*** Block opens ***

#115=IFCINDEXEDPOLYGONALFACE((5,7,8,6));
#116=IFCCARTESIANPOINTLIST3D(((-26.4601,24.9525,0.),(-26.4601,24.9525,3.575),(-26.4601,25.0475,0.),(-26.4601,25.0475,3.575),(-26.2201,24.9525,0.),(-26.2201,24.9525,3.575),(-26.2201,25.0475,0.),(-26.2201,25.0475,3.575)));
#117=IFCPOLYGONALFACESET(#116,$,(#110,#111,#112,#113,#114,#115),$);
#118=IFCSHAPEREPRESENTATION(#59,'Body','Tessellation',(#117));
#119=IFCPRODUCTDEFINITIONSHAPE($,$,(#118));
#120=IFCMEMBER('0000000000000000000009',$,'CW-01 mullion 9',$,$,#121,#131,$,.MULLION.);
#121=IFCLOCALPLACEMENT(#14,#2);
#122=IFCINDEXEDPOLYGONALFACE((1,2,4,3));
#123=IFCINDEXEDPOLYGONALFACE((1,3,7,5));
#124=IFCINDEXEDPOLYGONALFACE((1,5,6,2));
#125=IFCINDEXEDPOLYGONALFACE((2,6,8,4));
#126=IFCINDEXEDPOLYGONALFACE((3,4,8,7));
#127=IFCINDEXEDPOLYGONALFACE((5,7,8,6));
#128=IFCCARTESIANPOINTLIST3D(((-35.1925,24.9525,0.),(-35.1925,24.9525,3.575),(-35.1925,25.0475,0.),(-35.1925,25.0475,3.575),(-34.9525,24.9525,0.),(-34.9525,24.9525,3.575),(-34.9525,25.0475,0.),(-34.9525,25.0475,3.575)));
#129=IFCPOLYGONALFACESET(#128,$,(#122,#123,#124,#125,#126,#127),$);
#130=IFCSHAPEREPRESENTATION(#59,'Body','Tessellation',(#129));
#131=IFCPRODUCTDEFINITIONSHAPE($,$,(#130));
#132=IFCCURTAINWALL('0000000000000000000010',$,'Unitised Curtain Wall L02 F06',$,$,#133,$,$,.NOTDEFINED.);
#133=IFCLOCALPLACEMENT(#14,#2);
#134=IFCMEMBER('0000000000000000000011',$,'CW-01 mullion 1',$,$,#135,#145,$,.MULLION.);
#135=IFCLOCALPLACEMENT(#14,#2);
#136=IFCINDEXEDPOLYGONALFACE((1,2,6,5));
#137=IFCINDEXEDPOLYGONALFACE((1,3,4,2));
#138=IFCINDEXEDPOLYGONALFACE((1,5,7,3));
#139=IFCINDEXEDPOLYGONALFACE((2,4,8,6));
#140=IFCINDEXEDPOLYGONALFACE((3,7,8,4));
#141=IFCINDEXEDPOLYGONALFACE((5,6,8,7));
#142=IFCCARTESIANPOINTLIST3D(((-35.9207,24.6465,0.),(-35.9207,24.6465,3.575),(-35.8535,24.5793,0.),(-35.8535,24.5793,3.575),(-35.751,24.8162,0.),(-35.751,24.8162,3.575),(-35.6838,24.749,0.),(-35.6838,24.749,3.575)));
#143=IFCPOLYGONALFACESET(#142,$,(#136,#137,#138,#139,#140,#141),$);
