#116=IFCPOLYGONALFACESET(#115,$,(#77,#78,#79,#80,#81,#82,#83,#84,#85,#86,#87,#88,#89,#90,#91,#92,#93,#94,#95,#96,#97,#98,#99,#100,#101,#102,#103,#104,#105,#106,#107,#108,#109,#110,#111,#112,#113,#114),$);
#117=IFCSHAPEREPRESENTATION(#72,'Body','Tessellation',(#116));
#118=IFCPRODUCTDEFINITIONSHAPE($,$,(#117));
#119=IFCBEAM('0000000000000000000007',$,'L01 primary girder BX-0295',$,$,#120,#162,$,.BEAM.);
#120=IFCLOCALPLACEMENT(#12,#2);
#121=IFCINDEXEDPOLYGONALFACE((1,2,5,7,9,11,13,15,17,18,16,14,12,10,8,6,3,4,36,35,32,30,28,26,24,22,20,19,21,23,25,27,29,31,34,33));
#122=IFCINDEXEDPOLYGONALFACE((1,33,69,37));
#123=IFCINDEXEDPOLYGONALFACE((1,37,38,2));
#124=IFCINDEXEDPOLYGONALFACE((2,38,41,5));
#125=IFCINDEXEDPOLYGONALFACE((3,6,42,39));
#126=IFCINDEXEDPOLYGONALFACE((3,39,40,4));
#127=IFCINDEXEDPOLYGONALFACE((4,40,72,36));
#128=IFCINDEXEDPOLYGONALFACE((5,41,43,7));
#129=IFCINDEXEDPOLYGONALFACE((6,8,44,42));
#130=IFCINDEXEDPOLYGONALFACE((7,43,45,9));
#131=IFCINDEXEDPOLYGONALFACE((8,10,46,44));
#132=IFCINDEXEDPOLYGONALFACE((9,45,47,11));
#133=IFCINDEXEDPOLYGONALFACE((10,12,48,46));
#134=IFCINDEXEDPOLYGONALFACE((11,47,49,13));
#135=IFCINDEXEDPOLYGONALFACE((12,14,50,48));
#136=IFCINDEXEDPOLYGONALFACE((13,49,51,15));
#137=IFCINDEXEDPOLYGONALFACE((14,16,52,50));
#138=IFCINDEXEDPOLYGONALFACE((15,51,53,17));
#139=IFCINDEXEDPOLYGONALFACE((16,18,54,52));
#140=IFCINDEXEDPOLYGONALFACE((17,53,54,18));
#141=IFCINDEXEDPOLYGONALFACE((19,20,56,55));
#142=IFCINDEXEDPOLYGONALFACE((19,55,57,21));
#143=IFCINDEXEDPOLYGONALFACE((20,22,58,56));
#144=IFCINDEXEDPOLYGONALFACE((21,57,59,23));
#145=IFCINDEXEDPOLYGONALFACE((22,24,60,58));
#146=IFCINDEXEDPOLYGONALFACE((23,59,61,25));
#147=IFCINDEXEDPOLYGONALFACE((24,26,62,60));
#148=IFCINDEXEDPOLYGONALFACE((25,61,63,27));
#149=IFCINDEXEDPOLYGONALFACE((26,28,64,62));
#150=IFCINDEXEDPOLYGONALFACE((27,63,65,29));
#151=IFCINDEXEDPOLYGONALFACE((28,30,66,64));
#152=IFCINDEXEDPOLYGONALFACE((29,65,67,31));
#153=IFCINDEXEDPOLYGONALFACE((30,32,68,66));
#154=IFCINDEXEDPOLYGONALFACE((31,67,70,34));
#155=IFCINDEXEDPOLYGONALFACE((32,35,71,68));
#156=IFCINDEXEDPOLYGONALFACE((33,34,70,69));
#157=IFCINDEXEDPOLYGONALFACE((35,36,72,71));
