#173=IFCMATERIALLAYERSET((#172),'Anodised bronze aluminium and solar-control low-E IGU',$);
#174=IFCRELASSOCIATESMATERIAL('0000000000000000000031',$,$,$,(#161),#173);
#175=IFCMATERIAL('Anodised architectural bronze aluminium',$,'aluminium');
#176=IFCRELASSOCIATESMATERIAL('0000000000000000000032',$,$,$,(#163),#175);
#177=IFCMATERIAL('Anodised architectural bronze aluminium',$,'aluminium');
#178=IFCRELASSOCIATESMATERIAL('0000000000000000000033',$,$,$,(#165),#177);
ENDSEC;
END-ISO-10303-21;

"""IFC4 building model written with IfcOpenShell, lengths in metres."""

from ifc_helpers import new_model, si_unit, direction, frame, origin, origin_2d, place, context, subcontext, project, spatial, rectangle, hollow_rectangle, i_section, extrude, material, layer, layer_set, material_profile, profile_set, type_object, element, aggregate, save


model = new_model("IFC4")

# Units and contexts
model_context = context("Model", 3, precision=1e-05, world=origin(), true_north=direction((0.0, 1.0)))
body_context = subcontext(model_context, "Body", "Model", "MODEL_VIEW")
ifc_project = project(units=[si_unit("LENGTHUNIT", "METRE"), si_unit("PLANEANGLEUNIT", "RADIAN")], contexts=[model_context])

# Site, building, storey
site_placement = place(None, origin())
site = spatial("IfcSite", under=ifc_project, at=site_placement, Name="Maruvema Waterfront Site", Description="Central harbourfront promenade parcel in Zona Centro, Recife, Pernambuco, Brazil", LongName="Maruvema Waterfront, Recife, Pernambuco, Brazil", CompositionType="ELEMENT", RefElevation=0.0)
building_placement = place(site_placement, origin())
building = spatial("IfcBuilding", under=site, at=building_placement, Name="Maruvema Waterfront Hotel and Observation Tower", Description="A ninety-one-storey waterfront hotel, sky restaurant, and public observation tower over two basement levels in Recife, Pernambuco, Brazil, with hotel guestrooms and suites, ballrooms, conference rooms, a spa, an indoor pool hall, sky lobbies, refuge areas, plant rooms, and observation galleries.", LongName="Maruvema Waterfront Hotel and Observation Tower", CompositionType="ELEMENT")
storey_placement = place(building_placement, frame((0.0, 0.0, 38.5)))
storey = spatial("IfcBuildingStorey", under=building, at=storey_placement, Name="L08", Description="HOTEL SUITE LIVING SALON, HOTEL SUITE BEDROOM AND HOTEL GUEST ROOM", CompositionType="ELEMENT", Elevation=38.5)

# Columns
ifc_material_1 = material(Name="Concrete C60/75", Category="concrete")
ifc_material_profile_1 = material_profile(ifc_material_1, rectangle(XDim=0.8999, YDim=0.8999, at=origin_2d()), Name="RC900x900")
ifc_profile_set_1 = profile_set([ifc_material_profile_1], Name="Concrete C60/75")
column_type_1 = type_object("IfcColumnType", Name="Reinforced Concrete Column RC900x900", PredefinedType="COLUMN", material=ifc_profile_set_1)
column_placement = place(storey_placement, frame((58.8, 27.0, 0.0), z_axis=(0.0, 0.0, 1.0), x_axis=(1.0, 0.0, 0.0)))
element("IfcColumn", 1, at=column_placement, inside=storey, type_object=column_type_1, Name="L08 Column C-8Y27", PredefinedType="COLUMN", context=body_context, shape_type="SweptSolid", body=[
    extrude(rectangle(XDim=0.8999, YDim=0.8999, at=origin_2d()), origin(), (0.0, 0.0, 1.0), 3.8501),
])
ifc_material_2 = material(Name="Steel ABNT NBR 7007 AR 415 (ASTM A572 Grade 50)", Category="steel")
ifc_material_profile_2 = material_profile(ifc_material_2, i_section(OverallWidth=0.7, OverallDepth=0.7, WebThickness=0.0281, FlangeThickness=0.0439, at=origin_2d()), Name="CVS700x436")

*** Block closes ***

--- Exercise instructions ---
Filter the entries above down to the lines that contain the word "Tessellation".

--- Solution ---
#118=IFCSHAPEREPRESENTATION(#59,'Body','Tessellation',(#117));
#130=IFCSHAPEREPRESENTATION(#59,'Body','Tessellation',(#129));
#117=IFCSHAPEREPRESENTATION(#72,'Body','Tessellation',(#116));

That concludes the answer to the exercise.